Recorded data
++++

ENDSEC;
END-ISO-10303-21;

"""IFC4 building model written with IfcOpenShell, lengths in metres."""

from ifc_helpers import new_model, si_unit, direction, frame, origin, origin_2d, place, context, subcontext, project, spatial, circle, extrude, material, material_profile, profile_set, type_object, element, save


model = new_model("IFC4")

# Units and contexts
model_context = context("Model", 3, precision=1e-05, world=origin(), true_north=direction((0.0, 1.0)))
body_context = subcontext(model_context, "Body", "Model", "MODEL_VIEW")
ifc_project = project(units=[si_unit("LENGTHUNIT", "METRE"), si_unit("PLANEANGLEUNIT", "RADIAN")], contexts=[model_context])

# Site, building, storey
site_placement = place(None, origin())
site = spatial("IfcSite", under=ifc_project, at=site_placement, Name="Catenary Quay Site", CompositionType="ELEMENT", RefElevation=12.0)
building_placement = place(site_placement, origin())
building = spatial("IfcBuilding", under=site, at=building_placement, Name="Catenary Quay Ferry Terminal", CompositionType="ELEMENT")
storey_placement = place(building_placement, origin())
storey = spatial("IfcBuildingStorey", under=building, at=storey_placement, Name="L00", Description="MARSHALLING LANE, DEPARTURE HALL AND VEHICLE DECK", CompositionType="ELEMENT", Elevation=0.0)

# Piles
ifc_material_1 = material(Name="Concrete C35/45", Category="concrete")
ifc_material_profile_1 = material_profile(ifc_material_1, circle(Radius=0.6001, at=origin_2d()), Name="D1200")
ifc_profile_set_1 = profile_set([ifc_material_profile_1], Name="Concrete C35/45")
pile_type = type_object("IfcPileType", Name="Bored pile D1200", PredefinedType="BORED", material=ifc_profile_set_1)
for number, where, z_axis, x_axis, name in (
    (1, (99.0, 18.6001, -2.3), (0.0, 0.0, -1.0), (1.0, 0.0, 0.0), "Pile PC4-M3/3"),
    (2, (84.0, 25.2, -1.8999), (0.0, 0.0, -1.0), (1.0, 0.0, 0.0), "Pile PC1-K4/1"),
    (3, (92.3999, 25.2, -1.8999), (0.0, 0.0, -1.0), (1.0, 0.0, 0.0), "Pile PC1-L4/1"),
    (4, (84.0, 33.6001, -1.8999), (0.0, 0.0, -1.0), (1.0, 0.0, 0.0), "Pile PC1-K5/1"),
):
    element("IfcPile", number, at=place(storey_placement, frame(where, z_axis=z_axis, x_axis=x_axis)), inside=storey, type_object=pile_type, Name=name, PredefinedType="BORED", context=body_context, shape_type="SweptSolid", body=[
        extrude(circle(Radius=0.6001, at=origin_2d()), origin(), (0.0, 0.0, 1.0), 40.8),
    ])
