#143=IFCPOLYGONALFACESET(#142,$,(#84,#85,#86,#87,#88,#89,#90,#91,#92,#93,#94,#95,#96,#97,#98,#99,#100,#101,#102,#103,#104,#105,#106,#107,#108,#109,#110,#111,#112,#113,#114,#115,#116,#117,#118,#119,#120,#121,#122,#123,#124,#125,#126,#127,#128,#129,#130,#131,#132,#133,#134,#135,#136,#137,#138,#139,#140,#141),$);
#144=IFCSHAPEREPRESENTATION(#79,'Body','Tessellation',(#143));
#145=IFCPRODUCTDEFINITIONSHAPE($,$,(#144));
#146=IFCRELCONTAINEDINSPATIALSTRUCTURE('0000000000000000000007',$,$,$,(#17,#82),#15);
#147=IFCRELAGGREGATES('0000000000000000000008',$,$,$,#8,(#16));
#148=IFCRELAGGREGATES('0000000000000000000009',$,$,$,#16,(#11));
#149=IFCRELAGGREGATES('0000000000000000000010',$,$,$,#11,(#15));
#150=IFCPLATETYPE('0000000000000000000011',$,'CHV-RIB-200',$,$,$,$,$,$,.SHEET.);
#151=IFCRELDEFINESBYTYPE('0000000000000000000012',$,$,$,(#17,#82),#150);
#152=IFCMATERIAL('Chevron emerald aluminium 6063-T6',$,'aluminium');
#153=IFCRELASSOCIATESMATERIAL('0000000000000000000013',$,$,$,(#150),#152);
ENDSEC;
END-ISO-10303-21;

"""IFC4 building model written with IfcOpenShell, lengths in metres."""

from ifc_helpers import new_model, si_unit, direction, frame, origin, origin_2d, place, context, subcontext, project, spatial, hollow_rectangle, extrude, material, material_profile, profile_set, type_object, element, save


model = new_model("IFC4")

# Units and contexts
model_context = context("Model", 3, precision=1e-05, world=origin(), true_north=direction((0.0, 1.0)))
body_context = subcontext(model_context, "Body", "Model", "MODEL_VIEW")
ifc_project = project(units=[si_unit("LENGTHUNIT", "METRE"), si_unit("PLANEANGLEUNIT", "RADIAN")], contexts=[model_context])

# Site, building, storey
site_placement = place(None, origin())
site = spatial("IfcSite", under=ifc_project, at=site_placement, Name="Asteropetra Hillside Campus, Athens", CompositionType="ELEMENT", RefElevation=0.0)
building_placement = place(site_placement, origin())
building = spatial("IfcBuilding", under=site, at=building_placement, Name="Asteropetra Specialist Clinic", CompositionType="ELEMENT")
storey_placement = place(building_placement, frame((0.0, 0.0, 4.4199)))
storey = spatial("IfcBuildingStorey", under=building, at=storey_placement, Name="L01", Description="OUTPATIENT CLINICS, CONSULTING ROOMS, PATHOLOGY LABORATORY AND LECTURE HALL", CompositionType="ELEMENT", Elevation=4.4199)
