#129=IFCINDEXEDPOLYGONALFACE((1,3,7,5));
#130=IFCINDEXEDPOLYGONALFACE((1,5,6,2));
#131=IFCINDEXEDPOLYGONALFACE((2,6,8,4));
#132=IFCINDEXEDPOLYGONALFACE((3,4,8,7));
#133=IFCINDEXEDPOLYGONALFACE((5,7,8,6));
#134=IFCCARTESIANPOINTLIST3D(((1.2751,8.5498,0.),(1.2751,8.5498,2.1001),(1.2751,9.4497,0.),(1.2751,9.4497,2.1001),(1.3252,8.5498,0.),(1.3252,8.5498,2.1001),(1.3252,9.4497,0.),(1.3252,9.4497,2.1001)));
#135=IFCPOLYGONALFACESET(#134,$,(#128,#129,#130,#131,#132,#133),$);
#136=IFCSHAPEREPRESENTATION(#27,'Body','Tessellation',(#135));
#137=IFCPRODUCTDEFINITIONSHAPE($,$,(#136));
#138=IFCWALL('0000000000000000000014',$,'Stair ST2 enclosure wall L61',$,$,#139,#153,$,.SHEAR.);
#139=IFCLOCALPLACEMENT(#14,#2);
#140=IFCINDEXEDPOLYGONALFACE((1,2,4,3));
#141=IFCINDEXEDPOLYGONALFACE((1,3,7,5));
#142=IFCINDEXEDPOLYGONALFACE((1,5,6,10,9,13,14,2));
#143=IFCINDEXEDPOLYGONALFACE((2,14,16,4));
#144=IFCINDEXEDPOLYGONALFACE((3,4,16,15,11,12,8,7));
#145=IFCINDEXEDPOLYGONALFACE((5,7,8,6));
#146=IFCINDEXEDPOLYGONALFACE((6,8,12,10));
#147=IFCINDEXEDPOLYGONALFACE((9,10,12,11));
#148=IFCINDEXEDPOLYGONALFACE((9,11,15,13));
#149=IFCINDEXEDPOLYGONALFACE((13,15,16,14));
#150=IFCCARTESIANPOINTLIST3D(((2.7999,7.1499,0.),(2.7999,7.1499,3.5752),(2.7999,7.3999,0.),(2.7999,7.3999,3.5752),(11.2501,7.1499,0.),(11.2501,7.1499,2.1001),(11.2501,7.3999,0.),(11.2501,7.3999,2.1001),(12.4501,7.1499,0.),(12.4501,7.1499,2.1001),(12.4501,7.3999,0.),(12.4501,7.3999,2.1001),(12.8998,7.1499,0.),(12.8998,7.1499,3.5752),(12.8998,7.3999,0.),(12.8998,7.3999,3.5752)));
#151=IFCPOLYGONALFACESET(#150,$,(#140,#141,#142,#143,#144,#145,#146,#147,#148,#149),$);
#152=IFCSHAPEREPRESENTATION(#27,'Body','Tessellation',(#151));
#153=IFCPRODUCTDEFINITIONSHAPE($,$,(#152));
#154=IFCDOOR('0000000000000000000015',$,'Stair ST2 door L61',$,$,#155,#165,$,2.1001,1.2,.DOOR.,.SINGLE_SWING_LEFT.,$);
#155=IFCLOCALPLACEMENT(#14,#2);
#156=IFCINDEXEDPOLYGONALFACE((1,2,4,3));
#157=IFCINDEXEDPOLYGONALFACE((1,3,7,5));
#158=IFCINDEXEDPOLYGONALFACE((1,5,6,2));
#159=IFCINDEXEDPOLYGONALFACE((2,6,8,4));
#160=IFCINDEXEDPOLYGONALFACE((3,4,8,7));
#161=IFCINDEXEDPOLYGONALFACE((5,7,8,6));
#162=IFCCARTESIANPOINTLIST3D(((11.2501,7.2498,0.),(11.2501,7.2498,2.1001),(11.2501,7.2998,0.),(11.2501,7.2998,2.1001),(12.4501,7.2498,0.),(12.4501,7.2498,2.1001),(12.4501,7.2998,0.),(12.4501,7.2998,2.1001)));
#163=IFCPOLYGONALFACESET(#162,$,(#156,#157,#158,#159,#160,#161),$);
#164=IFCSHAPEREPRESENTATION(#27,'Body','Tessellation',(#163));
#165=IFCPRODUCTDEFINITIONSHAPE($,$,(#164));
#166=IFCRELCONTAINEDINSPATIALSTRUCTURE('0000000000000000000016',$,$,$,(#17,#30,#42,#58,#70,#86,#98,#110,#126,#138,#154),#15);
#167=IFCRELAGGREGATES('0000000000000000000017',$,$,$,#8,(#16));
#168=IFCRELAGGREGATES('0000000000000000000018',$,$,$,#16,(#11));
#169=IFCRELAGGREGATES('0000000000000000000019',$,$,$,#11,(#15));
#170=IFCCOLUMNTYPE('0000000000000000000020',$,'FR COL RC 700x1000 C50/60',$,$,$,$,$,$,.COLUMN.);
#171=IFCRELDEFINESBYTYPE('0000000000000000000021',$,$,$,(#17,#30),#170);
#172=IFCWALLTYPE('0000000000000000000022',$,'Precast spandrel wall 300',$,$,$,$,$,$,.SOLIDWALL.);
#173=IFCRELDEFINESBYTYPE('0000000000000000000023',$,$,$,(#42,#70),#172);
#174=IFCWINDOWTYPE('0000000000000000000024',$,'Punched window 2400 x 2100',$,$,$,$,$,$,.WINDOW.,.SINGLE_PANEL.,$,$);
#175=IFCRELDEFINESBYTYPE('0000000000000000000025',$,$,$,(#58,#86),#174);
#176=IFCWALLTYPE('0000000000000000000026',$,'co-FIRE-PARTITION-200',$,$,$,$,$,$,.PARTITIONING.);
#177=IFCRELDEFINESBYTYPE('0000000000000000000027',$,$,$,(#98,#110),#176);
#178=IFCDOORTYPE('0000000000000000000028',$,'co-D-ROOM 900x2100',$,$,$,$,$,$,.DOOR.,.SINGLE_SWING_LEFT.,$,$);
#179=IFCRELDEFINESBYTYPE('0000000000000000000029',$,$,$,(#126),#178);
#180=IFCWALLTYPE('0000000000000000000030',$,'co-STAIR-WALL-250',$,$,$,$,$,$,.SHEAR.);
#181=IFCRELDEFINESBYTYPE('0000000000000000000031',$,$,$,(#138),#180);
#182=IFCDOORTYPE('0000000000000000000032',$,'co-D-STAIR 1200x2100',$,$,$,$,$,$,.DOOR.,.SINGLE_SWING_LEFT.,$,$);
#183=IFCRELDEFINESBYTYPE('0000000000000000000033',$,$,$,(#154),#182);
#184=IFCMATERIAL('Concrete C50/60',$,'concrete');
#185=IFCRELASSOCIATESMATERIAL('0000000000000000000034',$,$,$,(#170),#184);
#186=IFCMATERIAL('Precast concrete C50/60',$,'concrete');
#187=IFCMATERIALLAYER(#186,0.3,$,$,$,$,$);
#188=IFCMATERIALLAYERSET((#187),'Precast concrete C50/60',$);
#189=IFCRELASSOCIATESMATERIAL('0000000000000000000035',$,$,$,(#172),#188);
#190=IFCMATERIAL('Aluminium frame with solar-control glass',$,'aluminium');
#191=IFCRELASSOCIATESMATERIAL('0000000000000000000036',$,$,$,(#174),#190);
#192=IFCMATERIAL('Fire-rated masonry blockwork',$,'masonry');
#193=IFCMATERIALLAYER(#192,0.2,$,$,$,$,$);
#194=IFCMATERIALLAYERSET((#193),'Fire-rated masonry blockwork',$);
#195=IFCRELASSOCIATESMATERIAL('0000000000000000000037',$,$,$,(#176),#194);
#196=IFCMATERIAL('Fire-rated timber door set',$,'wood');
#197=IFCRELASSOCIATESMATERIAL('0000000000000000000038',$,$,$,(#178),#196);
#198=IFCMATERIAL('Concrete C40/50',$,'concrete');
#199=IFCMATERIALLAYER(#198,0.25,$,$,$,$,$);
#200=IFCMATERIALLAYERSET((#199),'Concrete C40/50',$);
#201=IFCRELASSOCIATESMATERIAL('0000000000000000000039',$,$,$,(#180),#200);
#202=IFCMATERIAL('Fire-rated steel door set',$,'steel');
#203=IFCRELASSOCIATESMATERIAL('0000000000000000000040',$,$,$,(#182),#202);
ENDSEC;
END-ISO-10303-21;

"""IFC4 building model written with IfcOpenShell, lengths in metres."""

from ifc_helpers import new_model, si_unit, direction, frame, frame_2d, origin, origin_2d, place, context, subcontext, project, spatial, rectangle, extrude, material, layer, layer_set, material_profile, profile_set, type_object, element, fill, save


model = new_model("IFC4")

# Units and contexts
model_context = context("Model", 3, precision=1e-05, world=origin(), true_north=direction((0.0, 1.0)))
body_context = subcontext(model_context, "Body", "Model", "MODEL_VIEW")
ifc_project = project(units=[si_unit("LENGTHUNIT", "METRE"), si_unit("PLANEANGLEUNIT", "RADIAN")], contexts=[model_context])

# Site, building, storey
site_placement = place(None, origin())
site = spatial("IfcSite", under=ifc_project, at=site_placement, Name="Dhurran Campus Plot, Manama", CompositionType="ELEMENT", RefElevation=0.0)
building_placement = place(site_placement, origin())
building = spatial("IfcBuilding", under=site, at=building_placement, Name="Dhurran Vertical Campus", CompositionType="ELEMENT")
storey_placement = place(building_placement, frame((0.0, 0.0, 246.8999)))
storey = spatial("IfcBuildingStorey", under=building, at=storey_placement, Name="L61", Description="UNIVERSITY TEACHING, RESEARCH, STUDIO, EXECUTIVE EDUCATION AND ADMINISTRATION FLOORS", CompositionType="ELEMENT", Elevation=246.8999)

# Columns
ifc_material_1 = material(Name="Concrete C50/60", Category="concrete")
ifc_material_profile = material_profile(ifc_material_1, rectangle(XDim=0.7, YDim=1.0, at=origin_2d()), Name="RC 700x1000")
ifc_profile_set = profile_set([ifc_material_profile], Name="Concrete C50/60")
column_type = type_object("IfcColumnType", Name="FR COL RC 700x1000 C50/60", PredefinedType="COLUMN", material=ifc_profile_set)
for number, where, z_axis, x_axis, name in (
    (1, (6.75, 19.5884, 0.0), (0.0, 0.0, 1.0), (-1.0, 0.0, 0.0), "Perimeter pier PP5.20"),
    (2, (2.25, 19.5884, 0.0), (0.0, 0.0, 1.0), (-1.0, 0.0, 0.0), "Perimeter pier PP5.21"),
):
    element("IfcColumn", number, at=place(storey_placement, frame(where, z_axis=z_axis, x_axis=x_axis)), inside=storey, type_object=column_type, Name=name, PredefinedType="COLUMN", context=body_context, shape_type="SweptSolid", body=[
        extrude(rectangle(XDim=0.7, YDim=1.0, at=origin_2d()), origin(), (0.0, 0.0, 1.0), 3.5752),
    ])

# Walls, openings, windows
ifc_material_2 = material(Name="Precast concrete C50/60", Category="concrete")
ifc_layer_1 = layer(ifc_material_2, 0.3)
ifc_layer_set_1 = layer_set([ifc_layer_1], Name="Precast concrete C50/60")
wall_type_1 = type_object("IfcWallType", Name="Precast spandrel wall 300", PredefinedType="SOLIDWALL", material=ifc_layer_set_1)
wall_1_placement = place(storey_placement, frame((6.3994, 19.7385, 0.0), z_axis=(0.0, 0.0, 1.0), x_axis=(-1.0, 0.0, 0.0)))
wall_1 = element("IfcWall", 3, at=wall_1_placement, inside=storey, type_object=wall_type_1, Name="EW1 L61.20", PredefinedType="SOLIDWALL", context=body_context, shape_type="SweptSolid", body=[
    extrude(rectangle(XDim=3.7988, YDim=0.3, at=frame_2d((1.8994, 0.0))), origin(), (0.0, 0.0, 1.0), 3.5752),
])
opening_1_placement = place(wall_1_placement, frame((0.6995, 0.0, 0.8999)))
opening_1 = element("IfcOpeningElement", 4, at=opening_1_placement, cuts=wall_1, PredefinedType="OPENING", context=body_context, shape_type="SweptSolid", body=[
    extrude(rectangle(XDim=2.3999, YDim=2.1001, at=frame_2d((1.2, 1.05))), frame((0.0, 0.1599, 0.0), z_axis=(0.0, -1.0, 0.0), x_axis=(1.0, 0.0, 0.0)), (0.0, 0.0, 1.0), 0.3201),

++++

Copy word for word the stretch of entries above from the line that has "frame((0.0, 0.0, 4.4199)))" through the line that has "#144=IFCINDEXEDPOLYGONALFACE((3,4,16,15,11,12,8,7));", both ends included, and nothing outside it.

storey_placement = place(building_placement, frame((0.0, 0.0, 4.4199)))
storey = spatial("IfcBuildingStorey", under=building, at=storey_placement, Name="L01", Description="OUTPATIENT CLINICS, CONSULTING ROOMS, PATHOLOGY LABORATORY AND LECTURE HALL", CompositionType="ELEMENT", Elevation=4.4199)
#129=IFCINDEXEDPOLYGONALFACE((1,3,7,5));
#130=IFCINDEXEDPOLYGONALFACE((1,5,6,2));
#131=IFCINDEXEDPOLYGONALFACE((2,6,8,4));
#132=IFCINDEXEDPOLYGONALFACE((3,4,8,7));
#133=IFCINDEXEDPOLYGONALFACE((5,7,8,6));
#134=IFCCARTESIANPOINTLIST3D(((1.2751,8.5498,0.),(1.2751,8.5498,2.1001),(1.2751,9.4497,0.),(1.2751,9.4497,2.1001),(1.3252,8.5498,0.),(1.3252,8.5498,2.1001),(1.3252,9.4497,0.),(1.3252,9.4497,2.1001)));
#135=IFCPOLYGONALFACESET(#134,$,(#128,#129,#130,#131,#132,#133),$);
#136=IFCSHAPEREPRESENTATION(#27,'Body','Tessellation',(#135));
#137=IFCPRODUCTDEFINITIONSHAPE($,$,(#136));
#138=IFCWALL('0000000000000000000014',$,'Stair ST2 enclosure wall L61',$,$,#139,#153,$,.SHEAR.);
#139=IFCLOCALPLACEMENT(#14,#2);
#140=IFCINDEXEDPOLYGONALFACE((1,2,4,3));
#141=IFCINDEXEDPOLYGONALFACE((1,3,7,5));
#142=IFCINDEXEDPOLYGONALFACE((1,5,6,10,9,13,14,2));
#143=IFCINDEXEDPOLYGONALFACE((2,14,16,4));
#144=IFCINDEXEDPOLYGONALFACE((3,4,16,15,11,12,8,7));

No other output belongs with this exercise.